─── Input material
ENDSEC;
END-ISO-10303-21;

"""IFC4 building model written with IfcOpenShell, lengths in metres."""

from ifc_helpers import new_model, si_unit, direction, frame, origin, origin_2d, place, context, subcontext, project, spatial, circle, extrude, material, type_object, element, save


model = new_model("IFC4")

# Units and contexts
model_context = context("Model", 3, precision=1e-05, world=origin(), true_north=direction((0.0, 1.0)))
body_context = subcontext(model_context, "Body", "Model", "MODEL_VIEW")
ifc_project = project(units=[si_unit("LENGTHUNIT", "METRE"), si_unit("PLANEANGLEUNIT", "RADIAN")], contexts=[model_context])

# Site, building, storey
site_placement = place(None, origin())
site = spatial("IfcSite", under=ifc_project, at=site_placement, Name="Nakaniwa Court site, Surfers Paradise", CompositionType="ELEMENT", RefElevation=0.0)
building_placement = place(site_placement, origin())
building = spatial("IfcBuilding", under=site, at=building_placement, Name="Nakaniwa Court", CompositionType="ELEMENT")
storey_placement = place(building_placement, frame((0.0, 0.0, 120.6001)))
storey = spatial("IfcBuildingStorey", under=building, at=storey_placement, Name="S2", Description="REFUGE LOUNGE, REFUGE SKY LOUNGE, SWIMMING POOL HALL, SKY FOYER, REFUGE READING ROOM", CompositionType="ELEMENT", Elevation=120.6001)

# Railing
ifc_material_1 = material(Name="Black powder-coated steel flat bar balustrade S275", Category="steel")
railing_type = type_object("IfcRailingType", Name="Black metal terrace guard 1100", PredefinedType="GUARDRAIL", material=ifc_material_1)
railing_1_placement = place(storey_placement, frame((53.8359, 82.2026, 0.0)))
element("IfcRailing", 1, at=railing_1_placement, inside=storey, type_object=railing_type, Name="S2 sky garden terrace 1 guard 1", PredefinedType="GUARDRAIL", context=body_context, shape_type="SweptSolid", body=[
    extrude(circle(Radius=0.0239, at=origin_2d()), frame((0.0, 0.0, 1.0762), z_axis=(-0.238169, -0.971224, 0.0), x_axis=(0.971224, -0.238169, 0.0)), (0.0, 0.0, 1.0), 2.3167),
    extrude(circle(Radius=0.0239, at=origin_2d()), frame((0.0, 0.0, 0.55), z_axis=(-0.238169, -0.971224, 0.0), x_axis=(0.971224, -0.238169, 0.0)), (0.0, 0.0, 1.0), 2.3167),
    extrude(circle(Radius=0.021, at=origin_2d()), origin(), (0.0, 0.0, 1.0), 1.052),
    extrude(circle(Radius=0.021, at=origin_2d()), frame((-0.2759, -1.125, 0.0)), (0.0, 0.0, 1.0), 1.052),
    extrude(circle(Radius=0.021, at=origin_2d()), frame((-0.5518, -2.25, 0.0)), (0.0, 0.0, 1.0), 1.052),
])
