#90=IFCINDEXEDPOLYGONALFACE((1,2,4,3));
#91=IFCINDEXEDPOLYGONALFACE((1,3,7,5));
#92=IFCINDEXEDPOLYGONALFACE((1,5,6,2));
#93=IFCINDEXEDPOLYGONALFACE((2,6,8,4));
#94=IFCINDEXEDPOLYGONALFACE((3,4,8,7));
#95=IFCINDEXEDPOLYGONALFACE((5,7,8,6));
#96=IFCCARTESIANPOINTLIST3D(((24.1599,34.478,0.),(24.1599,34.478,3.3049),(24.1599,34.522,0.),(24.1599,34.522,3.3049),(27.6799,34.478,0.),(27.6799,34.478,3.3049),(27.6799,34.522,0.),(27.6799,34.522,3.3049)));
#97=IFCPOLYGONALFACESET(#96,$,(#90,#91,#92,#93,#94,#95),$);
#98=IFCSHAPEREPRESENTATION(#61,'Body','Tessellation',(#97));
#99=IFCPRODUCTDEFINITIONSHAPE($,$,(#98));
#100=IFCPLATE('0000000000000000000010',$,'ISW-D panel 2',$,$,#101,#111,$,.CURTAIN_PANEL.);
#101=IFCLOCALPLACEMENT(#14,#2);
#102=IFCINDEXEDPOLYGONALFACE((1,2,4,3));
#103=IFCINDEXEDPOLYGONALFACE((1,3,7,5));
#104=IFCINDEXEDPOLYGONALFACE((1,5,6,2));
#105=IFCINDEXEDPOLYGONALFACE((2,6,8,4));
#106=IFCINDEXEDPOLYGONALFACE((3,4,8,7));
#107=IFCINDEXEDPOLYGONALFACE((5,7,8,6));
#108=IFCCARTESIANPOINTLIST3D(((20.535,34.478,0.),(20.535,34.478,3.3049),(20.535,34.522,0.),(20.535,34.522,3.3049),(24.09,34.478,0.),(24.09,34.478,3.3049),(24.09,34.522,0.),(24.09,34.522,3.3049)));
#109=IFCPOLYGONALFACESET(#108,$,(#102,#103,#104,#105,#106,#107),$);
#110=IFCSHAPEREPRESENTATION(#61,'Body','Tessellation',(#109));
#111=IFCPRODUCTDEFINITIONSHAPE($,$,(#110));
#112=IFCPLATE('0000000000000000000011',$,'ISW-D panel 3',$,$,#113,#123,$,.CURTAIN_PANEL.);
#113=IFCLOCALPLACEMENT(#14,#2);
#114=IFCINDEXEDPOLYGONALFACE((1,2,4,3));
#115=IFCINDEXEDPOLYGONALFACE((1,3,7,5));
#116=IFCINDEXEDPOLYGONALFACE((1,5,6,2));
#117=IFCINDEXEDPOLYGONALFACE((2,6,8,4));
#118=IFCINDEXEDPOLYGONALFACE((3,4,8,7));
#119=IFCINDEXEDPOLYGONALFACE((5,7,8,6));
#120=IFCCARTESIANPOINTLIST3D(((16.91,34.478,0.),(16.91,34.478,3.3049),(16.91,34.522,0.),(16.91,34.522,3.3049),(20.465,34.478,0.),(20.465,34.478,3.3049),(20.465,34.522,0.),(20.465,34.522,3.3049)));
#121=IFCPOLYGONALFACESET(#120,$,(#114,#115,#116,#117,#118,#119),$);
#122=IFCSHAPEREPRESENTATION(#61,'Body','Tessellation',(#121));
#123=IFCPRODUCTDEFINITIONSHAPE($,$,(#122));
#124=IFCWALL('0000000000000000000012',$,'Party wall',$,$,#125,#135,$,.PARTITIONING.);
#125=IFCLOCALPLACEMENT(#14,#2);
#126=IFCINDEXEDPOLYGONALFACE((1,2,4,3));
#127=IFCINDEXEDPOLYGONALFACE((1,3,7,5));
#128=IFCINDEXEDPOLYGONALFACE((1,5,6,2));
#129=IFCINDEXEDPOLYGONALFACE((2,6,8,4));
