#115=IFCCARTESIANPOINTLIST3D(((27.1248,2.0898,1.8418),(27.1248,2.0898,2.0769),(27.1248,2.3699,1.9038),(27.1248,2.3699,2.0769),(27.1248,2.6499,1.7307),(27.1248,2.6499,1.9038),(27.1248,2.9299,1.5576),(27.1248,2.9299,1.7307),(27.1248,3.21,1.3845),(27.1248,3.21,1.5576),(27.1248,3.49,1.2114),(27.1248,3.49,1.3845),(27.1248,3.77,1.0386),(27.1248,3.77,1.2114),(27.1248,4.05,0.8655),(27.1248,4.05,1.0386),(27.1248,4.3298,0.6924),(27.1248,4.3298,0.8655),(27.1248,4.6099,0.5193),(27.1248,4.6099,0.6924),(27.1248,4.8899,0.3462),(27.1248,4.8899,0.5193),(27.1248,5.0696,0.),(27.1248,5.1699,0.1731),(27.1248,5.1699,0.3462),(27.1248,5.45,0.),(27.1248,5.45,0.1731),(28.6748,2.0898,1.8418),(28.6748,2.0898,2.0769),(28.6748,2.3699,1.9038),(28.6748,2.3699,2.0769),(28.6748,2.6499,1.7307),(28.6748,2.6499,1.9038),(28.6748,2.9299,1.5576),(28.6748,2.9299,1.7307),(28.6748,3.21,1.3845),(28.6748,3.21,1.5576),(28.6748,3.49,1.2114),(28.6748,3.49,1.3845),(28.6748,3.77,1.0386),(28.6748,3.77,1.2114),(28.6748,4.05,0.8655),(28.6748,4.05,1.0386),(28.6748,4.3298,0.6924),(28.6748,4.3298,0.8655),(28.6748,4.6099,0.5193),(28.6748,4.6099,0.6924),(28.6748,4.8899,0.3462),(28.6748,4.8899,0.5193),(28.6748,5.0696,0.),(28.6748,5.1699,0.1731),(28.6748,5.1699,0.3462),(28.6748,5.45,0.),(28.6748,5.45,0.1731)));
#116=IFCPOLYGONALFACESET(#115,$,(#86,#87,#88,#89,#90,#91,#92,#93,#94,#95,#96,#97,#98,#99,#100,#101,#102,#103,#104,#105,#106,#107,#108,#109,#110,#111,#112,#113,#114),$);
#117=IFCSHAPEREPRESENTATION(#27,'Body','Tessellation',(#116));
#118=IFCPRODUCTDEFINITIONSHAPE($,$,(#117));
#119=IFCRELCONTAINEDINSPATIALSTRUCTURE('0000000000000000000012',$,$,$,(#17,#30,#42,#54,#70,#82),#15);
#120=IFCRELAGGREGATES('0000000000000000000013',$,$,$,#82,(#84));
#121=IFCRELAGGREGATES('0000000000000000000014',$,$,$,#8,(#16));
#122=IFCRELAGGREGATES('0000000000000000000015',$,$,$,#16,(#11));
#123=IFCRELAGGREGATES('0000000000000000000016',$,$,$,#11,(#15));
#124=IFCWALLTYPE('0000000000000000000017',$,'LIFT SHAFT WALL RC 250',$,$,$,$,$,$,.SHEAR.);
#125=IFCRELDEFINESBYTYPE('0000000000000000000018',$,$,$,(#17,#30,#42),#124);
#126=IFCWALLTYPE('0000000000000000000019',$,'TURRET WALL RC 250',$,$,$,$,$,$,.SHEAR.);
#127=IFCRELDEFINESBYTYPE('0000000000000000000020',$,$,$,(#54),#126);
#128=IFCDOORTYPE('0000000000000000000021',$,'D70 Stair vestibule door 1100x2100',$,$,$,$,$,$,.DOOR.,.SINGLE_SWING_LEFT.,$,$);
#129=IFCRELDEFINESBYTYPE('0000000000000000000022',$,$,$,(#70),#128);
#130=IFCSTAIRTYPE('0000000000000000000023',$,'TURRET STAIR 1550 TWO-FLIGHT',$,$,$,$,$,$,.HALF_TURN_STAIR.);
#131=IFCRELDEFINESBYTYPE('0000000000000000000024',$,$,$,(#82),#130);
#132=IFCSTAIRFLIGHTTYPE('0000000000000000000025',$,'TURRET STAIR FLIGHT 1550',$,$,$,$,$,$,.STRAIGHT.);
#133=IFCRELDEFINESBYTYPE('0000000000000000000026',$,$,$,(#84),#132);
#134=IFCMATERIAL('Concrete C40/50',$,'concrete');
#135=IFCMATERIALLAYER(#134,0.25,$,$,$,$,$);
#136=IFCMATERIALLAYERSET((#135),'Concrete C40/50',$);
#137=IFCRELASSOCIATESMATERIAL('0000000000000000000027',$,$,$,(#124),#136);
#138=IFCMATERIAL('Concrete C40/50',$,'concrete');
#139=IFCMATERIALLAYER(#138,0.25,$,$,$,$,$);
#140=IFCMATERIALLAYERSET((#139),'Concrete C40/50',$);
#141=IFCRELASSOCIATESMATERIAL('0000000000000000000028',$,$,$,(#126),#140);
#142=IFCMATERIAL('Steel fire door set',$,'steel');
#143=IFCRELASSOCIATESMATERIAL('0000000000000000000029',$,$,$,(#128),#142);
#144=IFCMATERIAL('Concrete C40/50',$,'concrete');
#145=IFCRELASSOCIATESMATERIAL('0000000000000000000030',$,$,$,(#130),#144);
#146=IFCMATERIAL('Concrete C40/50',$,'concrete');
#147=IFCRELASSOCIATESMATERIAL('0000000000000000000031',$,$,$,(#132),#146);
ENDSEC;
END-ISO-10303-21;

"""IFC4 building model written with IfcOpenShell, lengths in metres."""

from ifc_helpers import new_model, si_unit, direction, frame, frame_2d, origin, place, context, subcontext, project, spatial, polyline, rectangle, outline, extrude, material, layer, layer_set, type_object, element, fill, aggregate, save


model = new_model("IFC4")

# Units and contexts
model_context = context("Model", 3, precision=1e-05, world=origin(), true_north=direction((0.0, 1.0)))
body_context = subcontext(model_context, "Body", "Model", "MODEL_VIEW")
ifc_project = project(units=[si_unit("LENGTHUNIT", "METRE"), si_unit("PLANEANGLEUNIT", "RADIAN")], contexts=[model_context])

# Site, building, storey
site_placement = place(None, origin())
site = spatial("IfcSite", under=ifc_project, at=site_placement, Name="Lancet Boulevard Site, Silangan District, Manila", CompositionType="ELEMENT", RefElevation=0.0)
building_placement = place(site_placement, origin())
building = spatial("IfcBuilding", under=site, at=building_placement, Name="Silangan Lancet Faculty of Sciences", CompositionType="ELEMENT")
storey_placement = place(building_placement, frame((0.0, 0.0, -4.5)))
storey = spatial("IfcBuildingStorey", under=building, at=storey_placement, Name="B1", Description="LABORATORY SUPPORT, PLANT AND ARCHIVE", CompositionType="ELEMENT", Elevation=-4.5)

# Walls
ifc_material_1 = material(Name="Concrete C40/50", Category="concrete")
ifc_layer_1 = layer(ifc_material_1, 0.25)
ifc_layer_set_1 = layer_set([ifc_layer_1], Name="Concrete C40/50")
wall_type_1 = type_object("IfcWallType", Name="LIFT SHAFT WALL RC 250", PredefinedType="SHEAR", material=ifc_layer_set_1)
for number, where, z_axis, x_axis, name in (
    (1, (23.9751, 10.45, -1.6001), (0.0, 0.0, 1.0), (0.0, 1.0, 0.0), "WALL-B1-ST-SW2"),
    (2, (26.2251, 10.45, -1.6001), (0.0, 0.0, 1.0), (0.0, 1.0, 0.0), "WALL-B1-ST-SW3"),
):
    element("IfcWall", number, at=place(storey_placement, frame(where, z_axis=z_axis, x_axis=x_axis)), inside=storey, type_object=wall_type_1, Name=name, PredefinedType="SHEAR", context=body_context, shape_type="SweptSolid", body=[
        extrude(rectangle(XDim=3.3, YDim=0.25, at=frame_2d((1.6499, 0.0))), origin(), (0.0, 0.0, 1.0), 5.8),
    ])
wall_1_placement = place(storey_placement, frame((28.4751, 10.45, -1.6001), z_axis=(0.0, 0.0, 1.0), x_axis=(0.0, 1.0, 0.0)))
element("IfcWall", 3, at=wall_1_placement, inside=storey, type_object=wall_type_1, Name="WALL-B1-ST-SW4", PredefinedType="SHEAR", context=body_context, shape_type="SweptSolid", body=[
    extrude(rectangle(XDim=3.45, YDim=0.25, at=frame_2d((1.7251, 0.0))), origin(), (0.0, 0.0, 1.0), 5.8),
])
──────
Exercise prompt: What lines in the entries contain "Silangan"? Report each one by copying it.

Reply to the exercise:
site = spatial("IfcSite", under=ifc_project, at=site_placement, Name="Lancet Boulevard Site, Silangan District, Manila", CompositionType="ELEMENT", RefElevation=0.0)
building = spatial("IfcBuilding", under=site, at=building_placement, Name="Silangan Lancet Faculty of Sciences", CompositionType="ELEMENT")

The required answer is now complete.